Dataset entries
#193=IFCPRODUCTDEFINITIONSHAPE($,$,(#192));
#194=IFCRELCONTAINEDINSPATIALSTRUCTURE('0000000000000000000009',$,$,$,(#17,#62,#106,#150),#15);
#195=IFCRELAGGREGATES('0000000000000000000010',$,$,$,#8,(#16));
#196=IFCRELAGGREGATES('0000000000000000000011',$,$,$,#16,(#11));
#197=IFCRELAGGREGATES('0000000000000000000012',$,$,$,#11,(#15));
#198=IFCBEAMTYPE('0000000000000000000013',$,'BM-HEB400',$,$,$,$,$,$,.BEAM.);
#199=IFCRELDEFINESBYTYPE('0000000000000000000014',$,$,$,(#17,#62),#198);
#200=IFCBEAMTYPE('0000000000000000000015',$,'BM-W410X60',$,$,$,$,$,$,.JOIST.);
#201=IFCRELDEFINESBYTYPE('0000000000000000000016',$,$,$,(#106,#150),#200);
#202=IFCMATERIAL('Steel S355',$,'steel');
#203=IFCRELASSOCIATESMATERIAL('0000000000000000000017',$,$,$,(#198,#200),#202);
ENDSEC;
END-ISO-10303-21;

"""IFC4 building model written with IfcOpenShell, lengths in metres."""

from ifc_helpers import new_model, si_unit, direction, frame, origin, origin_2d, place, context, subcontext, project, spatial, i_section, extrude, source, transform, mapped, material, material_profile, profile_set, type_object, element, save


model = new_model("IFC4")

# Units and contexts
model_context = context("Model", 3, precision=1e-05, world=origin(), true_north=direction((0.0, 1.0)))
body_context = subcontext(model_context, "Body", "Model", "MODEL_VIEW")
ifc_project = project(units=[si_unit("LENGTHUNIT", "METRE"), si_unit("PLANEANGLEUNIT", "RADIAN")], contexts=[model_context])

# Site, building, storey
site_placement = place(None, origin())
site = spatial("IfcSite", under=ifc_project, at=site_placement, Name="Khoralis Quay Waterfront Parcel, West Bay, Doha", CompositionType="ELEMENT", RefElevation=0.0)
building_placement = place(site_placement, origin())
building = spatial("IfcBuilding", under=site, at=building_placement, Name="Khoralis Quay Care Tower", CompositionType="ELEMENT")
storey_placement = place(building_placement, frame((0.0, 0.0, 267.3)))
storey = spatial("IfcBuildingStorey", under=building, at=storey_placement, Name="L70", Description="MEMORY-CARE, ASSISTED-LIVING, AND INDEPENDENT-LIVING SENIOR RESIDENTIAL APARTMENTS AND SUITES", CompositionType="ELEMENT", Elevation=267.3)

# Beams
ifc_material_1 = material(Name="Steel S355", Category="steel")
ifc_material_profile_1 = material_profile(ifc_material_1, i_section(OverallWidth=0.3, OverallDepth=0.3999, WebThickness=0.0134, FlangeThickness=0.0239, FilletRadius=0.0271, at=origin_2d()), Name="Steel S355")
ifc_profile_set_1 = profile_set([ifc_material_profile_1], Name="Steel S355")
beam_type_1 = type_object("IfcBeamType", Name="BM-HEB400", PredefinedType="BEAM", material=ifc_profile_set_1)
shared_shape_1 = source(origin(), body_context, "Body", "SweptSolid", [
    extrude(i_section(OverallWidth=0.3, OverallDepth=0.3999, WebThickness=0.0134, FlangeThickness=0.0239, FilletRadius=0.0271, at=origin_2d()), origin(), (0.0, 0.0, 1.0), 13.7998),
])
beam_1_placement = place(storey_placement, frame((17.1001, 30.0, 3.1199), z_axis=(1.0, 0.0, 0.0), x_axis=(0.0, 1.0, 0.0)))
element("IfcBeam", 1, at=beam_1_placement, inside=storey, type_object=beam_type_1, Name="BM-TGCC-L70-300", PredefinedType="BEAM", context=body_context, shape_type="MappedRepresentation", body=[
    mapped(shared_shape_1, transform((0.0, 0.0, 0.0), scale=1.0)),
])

WORK TASK: Copy out only the lines of the records above from the one with "#195=IFCRELAGGREGATES('0000000000000000000010',$,$,$,#8,(#16));" through the one with "#202=IFCMATERIAL('Steel S355',$,'steel');", exactly as they stand, both included.

ANSWER BOX:
#195=IFCRELAGGREGATES('0000000000000000000010',$,$,$,#8,(#16));
#196=IFCRELAGGREGATES('0000000000000000000011',$,$,$,#16,(#11));
#197=IFCRELAGGREGATES('0000000000000000000012',$,$,$,#11,(#15));
#198=IFCBEAMTYPE('0000000000000000000013',$,'BM-HEB400',$,$,$,$,$,$,.BEAM.);
#199=IFCRELDEFINESBYTYPE('0000000000000000000014',$,$,$,(#17,#62),#198);
#200=IFCBEAMTYPE('0000000000000000000015',$,'BM-W410X60',$,$,$,$,$,$,.JOIST.);
#201=IFCRELDEFINESBYTYPE('0000000000000000000016',$,$,$,(#106,#150),#200);
#202=IFCMATERIAL('Steel S355',$,'steel');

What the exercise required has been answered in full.